- [TASK PROMPT]:
Only one stretch of the records below is wanted: the lines from the one holding "#192=IFCRELAGGREGATES('0000000000000000000020',$,$,$,#16,(#11));" through the one holding "building model written". Return it exactly, both ends included.
= = = =
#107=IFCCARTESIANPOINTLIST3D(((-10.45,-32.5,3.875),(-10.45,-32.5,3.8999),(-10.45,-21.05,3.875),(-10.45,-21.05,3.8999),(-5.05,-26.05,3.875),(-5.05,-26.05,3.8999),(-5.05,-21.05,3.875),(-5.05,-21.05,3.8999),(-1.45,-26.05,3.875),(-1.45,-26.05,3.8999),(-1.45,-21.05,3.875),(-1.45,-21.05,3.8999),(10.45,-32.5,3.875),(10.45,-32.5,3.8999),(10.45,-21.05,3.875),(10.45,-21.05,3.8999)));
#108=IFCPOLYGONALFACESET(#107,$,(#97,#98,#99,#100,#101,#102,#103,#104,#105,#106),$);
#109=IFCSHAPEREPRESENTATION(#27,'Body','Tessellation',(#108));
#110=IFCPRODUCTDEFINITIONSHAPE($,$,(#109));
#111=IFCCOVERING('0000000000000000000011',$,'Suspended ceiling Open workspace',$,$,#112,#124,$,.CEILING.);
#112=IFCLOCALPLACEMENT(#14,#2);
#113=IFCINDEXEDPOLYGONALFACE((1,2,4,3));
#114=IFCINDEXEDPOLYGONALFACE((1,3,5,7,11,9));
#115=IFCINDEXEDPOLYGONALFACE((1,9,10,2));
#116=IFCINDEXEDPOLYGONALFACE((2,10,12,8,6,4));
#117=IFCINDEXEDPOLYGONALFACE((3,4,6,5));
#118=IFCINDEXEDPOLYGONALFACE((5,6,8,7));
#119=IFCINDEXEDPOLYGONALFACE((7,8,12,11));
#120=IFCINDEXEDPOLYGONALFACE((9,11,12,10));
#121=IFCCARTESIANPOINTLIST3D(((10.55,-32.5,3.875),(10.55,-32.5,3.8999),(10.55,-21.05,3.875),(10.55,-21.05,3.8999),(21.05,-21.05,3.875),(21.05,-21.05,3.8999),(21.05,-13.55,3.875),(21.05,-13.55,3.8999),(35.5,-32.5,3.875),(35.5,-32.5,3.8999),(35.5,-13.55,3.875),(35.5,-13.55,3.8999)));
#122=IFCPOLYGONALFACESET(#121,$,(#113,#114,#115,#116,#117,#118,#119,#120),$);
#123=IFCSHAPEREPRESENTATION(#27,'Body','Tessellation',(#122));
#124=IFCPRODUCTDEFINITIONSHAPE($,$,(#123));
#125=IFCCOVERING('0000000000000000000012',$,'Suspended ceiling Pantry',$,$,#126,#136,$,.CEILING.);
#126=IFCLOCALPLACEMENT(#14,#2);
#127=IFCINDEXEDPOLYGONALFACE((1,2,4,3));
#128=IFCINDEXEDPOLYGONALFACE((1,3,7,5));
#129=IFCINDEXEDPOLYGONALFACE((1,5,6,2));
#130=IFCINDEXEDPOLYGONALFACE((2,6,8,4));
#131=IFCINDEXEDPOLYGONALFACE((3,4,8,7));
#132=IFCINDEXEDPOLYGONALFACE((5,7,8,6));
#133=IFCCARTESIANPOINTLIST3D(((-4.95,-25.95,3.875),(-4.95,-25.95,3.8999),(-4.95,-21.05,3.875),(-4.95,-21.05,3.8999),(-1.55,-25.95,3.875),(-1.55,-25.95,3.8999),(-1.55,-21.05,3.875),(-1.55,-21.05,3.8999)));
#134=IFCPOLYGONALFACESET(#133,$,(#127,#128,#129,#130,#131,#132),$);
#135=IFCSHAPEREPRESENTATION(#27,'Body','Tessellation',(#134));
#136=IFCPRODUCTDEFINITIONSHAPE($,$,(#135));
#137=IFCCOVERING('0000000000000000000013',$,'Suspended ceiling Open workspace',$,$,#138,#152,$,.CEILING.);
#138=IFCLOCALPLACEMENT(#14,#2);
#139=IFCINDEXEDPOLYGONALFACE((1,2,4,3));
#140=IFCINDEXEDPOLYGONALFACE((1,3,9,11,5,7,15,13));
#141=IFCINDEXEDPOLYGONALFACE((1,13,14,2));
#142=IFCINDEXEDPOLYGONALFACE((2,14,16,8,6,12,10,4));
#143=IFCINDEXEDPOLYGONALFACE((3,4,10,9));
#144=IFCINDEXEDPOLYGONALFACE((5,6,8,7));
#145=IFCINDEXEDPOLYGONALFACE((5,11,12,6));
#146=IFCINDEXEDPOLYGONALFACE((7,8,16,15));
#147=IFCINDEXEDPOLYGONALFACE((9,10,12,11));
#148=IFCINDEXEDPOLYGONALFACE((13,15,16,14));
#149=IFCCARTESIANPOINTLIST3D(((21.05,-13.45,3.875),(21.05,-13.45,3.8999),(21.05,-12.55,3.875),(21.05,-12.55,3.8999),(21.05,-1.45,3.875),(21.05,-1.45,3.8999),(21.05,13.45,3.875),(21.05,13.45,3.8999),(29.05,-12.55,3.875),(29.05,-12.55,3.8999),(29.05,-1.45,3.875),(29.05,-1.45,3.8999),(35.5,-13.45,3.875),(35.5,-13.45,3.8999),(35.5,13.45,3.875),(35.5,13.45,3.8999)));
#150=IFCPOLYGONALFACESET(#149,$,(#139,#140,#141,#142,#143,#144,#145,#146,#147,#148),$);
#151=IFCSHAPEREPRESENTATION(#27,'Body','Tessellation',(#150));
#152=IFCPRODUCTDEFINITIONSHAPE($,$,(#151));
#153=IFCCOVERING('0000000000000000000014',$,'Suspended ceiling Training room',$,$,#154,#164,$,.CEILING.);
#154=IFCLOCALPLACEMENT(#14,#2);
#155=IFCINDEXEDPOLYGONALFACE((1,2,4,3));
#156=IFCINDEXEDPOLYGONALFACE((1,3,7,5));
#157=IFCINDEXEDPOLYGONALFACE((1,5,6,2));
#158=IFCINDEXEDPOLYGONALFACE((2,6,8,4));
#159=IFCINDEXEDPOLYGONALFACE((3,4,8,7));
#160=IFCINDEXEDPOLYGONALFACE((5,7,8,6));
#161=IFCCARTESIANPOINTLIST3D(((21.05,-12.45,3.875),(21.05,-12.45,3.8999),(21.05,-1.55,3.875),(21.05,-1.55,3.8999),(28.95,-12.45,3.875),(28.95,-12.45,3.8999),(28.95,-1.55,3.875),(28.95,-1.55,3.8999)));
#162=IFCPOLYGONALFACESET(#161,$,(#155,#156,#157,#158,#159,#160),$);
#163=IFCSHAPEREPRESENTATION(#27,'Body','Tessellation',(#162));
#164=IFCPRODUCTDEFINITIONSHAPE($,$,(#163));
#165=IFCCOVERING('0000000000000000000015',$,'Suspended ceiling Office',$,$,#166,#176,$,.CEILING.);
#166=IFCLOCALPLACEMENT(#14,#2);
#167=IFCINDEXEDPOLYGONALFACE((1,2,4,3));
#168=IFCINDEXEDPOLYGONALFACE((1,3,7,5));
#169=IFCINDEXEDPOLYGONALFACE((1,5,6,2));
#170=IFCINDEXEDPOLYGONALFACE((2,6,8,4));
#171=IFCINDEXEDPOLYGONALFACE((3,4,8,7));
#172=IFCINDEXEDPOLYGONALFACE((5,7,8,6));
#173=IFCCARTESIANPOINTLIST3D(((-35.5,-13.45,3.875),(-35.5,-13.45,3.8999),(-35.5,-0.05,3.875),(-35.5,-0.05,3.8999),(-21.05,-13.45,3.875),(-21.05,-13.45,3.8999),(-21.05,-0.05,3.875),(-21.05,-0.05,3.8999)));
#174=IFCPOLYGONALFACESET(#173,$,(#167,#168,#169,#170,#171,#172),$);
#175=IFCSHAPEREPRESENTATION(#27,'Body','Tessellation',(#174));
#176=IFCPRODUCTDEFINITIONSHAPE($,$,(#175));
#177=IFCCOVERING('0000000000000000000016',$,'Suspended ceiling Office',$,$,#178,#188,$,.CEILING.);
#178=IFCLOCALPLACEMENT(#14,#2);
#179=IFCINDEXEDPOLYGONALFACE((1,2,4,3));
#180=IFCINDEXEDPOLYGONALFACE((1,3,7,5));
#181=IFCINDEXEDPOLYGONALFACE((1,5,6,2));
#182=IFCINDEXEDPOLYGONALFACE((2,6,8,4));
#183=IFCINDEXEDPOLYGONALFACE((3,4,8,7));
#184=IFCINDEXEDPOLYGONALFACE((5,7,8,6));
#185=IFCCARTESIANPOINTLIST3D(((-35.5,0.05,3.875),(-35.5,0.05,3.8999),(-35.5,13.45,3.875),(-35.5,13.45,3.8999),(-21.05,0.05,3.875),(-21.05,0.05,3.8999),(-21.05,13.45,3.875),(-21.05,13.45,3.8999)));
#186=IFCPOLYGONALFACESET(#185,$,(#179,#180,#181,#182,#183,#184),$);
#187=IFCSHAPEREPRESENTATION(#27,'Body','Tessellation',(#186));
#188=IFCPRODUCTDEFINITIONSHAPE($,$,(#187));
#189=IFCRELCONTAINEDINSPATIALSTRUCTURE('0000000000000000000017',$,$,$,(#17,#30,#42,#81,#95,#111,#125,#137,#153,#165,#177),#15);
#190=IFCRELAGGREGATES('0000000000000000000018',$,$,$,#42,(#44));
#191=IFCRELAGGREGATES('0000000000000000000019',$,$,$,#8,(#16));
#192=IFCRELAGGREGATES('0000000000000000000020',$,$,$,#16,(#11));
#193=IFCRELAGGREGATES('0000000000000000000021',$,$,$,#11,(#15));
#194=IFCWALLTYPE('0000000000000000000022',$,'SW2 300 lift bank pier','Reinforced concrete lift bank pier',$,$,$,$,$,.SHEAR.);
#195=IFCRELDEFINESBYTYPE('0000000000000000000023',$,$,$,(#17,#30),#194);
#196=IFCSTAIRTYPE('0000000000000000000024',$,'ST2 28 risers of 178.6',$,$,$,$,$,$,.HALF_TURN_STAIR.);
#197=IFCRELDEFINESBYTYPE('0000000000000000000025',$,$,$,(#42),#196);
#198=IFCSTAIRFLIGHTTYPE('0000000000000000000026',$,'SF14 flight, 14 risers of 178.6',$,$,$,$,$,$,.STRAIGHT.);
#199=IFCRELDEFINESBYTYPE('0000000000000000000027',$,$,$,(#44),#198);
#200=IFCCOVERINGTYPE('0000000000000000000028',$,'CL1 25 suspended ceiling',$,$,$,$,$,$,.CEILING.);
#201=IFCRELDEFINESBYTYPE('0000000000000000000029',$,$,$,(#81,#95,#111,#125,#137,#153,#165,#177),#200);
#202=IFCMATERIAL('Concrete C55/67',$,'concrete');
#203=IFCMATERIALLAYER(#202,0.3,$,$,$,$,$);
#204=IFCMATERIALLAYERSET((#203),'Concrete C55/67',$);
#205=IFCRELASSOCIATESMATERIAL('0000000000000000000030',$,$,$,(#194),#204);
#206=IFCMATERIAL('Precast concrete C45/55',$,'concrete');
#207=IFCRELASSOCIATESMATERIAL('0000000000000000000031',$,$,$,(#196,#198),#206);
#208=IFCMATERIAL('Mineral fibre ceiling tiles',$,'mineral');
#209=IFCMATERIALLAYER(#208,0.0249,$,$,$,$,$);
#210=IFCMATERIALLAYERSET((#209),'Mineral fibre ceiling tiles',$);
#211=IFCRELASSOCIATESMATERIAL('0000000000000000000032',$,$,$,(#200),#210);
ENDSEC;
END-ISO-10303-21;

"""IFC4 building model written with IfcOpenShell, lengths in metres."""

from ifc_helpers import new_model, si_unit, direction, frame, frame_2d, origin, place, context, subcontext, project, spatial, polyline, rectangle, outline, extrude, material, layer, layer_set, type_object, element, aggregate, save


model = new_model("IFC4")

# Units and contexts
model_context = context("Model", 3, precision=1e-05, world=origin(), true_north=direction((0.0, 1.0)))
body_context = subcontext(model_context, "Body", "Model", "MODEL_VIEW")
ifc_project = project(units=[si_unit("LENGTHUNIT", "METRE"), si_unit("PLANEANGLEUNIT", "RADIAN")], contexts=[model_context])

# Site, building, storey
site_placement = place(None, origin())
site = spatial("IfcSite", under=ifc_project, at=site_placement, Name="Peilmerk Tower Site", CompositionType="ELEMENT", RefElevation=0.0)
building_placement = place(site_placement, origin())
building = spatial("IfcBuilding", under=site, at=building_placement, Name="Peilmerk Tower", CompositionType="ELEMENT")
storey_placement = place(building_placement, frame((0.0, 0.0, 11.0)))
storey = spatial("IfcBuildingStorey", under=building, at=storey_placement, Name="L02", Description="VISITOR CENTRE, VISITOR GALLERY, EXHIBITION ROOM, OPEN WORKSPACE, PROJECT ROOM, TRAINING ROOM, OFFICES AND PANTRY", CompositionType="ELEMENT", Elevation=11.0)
= = = =
- [WRITTEN REPLY]:
#192=IFCRELAGGREGATES('0000000000000000000020',$,$,$,#16,(#11));
#193=IFCRELAGGREGATES('0000000000000000000021',$,$,$,#11,(#15));
#194=IFCWALLTYPE('0000000000000000000022',$,'SW2 300 lift bank pier','Reinforced concrete lift bank pier',$,$,$,$,$,.SHEAR.);
#195=IFCRELDEFINESBYTYPE('0000000000000000000023',$,$,$,(#17,#30),#194);
#196=IFCSTAIRTYPE('0000000000000000000024',$,'ST2 28 risers of 178.6',$,$,$,$,$,$,.HALF_TURN_STAIR.);
#197=IFCRELDEFINESBYTYPE('0000000000000000000025',$,$,$,(#42),#196);
#198=IFCSTAIRFLIGHTTYPE('0000000000000000000026',$,'SF14 flight, 14 risers of 178.6',$,$,$,$,$,$,.STRAIGHT.);
#199=IFCRELDEFINESBYTYPE('0000000000000000000027',$,$,$,(#44),#198);
#200=IFCCOVERINGTYPE('0000000000000000000028',$,'CL1 25 suspended ceiling',$,$,$,$,$,$,.CEILING.);
#201=IFCRELDEFINESBYTYPE('0000000000000000000029',$,$,$,(#81,#95,#111,#125,#137,#153,#165,#177),#200);
#202=IFCMATERIAL('Concrete C55/67',$,'concrete');
#203=IFCMATERIALLAYER(#202,0.3,$,$,$,$,$);
#204=IFCMATERIALLAYERSET((#203),'Concrete C55/67',$);
#205=IFCRELASSOCIATESMATERIAL('0000000000000000000030',$,$,$,(#194),#204);
#206=IFCMATERIAL('Precast concrete C45/55',$,'concrete');
#207=IFCRELASSOCIATESMATERIAL('0000000000000000000031',$,$,$,(#196,#198),#206);
#208=IFCMATERIAL('Mineral fibre ceiling tiles',$,'mineral');
#209=IFCMATERIALLAYER(#208,0.0249,$,$,$,$,$);
#210=IFCMATERIALLAYERSET((#209),'Mineral fibre ceiling tiles',$);
#211=IFCRELASSOCIATESMATERIAL('0000000000000000000032',$,$,$,(#200),#210);
ENDSEC;
END-ISO-10303-21;

"""IFC4 building model written with IfcOpenShell, lengths in metres."""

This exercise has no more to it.